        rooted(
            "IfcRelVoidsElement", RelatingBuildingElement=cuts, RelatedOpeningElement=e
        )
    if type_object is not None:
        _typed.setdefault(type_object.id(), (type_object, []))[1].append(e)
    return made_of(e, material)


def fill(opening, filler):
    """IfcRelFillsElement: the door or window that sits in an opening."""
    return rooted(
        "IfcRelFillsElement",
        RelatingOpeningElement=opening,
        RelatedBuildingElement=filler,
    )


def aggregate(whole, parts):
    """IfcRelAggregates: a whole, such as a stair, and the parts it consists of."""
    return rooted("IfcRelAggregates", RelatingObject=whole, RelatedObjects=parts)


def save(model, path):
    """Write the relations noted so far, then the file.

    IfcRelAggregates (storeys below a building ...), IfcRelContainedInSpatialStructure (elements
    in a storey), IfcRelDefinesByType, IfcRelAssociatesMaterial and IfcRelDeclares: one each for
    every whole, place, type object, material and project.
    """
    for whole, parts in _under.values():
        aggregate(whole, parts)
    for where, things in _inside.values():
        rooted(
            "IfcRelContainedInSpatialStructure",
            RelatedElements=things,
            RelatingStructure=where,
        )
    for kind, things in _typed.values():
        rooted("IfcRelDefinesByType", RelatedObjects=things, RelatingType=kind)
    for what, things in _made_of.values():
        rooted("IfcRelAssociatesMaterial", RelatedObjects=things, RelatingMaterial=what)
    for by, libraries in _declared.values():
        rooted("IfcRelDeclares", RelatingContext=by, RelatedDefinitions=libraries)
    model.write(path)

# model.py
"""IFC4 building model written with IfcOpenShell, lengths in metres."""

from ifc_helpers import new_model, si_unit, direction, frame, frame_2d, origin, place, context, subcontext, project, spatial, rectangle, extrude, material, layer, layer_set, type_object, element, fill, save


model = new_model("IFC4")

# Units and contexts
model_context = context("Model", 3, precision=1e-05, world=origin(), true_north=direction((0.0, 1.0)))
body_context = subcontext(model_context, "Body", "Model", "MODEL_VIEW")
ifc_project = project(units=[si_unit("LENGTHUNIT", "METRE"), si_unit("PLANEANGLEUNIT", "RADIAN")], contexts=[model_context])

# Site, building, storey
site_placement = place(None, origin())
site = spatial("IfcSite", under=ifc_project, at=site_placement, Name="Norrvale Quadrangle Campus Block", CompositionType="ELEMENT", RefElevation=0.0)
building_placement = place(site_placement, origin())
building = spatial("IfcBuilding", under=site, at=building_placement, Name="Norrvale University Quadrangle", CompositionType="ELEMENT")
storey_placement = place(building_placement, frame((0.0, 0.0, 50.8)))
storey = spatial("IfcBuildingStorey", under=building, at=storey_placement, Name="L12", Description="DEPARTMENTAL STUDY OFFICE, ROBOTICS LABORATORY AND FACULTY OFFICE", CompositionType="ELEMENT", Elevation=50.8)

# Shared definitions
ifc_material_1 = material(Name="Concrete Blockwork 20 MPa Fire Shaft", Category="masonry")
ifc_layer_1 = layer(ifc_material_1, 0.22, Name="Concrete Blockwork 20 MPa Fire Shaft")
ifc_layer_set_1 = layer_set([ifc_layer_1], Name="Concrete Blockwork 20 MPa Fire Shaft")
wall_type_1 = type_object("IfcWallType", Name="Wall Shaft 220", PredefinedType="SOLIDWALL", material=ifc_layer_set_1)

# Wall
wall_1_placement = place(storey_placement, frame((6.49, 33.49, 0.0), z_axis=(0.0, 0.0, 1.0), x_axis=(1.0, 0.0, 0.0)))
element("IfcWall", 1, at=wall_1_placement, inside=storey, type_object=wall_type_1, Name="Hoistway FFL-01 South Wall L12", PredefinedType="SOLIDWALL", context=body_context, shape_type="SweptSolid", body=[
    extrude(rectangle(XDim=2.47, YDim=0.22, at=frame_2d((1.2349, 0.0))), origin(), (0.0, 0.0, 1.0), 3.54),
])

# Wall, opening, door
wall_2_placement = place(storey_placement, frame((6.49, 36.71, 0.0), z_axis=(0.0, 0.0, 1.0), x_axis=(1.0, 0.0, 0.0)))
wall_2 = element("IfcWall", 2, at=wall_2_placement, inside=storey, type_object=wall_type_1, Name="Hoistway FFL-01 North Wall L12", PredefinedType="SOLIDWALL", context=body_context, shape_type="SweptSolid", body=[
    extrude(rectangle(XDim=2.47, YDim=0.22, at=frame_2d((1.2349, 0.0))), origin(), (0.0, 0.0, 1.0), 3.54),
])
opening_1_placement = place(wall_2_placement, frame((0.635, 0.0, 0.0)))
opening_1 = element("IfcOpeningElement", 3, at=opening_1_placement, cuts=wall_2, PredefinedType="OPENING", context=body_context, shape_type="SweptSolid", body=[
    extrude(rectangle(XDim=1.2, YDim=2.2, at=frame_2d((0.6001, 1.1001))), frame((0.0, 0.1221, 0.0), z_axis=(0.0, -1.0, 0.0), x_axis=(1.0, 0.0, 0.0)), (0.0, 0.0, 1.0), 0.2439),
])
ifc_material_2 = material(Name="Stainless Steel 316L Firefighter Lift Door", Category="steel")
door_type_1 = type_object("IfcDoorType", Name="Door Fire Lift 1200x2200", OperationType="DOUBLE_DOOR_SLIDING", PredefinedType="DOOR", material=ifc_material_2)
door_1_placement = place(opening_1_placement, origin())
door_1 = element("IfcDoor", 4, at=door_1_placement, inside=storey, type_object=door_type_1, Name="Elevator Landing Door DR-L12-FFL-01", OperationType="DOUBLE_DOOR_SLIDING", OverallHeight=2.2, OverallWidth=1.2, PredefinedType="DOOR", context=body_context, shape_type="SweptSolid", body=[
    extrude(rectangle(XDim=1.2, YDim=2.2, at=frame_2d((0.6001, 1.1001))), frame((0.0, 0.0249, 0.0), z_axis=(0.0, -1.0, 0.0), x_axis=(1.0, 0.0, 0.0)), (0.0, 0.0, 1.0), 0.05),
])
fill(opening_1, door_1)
***
● **What you will do**:
Report how many lines of the data above include "Norrvale", giving the number and no other words.

● **Result of the task**:
2